## Given information:

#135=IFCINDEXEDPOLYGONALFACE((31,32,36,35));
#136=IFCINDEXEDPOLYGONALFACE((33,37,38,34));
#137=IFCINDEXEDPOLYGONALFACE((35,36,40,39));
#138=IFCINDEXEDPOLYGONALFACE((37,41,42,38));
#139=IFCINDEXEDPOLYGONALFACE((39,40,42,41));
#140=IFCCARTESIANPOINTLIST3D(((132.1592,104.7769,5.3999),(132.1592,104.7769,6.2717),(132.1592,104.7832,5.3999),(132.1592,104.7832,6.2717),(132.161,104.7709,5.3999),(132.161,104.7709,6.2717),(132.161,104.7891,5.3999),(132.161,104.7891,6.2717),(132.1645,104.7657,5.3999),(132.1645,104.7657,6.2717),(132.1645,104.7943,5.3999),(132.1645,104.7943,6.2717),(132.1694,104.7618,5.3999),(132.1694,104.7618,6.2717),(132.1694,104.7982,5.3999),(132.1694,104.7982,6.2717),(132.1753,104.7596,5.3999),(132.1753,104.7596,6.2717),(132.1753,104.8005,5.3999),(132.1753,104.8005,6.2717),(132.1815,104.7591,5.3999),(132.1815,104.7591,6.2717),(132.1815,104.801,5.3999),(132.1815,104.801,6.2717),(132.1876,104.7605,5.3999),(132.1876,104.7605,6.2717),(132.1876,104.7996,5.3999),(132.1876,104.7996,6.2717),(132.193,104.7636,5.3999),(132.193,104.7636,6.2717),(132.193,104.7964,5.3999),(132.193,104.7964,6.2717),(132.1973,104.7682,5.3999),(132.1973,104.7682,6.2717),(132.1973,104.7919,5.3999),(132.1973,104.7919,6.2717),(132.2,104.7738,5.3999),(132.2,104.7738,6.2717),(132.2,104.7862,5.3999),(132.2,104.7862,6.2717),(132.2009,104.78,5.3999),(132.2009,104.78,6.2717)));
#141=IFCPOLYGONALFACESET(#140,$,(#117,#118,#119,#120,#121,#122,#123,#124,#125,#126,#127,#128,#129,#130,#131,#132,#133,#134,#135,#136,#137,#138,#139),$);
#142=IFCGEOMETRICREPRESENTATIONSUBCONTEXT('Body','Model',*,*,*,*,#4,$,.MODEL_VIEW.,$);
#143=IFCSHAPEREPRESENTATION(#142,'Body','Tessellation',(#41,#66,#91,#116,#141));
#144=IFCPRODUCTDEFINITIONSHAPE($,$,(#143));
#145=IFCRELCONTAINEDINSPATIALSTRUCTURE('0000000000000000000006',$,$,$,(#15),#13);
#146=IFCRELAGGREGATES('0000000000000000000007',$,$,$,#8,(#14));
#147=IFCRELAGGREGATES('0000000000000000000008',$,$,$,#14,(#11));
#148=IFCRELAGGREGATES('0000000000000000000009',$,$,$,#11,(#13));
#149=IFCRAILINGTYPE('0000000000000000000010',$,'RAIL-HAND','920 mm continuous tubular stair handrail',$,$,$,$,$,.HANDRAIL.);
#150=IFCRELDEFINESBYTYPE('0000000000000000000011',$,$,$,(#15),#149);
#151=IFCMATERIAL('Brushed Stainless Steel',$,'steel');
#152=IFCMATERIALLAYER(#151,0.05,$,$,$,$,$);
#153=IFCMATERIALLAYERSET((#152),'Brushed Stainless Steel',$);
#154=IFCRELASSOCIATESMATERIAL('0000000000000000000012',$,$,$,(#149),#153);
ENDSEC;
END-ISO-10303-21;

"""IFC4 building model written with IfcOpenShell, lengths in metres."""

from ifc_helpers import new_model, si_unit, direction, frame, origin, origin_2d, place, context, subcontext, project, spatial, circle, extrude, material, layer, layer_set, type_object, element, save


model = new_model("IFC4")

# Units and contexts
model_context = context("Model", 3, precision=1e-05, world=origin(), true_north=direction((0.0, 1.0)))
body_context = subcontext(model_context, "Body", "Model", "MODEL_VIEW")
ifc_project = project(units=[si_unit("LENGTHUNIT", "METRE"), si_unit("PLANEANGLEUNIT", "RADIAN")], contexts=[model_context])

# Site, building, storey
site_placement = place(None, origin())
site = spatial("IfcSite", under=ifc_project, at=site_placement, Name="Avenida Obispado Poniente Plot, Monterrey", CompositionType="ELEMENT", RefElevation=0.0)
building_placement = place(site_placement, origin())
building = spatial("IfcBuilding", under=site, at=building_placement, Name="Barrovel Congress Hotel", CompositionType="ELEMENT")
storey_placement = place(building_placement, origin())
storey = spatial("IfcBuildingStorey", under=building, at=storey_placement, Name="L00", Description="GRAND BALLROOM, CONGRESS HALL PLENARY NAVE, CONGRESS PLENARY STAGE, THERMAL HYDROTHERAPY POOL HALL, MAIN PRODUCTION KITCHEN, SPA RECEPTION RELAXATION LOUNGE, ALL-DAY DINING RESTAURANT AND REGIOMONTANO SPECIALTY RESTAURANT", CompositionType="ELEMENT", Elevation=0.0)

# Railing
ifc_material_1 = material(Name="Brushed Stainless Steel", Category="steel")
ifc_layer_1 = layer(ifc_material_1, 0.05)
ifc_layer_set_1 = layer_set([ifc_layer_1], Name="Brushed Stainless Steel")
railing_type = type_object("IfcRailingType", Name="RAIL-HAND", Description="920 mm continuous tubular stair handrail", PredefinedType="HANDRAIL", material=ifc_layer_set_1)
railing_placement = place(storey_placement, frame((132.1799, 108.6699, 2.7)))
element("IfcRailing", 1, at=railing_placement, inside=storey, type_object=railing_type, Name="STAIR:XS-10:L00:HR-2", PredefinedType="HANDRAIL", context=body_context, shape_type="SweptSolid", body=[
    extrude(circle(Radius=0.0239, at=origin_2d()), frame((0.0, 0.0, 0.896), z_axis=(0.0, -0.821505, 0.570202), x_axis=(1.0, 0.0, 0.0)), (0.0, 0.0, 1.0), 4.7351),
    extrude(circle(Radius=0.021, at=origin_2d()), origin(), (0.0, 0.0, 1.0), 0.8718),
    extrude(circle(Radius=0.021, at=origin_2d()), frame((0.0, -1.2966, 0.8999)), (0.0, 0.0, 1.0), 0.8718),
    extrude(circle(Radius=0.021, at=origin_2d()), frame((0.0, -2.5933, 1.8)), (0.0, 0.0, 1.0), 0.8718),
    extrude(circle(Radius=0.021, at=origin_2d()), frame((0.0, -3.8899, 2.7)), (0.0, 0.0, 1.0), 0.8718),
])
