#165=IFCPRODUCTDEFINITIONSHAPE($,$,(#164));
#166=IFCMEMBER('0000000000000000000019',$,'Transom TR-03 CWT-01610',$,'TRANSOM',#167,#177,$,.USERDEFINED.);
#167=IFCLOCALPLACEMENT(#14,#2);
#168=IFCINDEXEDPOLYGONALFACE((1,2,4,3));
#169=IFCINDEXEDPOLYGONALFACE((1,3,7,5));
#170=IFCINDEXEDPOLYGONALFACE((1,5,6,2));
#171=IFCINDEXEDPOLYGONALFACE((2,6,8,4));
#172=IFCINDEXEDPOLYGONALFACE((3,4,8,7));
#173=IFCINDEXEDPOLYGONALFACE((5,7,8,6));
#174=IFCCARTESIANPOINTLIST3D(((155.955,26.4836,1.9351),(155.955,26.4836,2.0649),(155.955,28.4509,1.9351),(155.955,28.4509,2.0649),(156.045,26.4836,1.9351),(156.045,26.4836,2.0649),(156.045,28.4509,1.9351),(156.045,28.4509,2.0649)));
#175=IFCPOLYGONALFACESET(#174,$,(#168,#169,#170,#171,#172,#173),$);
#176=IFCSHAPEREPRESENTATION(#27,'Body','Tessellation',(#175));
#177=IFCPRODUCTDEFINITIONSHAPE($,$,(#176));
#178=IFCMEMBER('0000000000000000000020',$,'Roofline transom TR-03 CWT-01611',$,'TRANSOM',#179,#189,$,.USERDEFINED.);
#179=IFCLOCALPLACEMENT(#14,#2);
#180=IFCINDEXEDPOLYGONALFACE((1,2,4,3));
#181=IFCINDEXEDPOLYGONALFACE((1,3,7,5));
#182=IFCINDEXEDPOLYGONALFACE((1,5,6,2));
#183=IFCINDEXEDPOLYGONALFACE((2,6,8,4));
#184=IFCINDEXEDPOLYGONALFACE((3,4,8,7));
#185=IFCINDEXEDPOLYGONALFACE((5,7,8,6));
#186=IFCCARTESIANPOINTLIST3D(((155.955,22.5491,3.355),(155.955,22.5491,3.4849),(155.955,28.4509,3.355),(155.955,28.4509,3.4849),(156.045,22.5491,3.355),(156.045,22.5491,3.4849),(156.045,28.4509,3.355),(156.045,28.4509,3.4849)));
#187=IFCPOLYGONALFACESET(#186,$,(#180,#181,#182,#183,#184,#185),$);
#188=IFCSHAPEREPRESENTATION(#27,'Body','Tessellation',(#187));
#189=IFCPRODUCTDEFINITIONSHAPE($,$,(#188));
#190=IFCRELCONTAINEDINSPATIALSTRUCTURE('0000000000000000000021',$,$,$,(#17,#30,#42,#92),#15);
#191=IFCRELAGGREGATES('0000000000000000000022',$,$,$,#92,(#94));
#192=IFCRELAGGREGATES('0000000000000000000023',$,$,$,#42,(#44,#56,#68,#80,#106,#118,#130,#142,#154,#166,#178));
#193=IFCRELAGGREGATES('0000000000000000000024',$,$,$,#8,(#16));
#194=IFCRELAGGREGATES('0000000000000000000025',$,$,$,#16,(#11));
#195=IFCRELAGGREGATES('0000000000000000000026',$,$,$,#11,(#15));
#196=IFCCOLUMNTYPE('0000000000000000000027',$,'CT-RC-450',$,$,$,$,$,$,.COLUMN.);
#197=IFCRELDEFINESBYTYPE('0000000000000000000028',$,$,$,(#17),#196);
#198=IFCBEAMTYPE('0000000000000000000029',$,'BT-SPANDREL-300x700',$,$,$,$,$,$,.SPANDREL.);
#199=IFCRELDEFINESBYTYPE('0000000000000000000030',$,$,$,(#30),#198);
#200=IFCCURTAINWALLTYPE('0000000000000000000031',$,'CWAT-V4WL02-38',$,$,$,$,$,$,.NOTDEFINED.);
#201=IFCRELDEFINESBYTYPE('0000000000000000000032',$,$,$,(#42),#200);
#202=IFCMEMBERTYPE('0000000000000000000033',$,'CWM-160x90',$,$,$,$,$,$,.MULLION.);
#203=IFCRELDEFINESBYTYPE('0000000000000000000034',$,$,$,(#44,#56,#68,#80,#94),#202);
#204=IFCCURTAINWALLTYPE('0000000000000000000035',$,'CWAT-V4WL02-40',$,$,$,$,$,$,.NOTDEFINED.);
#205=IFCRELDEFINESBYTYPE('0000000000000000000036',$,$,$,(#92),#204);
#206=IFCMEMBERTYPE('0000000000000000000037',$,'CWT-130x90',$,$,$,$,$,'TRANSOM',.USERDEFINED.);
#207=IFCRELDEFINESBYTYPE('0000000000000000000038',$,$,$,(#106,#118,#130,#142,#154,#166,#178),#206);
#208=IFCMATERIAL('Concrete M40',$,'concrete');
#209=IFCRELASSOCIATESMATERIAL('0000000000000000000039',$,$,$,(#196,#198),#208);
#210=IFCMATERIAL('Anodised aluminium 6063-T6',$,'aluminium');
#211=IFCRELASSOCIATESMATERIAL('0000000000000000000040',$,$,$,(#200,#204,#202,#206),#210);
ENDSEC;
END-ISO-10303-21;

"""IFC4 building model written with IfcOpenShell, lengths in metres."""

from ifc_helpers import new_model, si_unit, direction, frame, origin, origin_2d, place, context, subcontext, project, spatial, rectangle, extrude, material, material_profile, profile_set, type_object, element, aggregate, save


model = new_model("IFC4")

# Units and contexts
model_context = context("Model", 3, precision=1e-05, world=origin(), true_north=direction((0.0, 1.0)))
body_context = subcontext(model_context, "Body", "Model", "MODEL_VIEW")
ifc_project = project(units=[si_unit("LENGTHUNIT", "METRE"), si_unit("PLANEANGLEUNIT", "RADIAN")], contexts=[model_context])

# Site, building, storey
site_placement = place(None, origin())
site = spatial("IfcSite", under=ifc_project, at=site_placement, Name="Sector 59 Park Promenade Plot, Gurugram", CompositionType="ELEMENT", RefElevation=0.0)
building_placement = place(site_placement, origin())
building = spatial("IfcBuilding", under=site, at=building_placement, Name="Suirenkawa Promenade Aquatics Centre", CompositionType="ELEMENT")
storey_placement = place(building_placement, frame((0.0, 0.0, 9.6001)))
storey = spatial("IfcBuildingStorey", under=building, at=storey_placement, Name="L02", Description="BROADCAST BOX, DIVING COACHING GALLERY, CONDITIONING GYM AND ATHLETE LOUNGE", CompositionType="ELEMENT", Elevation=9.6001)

## Problem statement:
List all lines from the entries that include the word "IFCPOLYGONALFACESET".

## Answer box:
#141=IFCPOLYGONALFACESET(#140,$,(#117,#118,#119,#120,#121,#122,#123,#124,#125,#126,#127,#128,#129,#130,#131,#132,#133,#134,#135,#136,#137,#138,#139),$);
#175=IFCPOLYGONALFACESET(#174,$,(#168,#169,#170,#171,#172,#173),$);
#187=IFCPOLYGONALFACESET(#186,$,(#180,#181,#182,#183,#184,#185),$);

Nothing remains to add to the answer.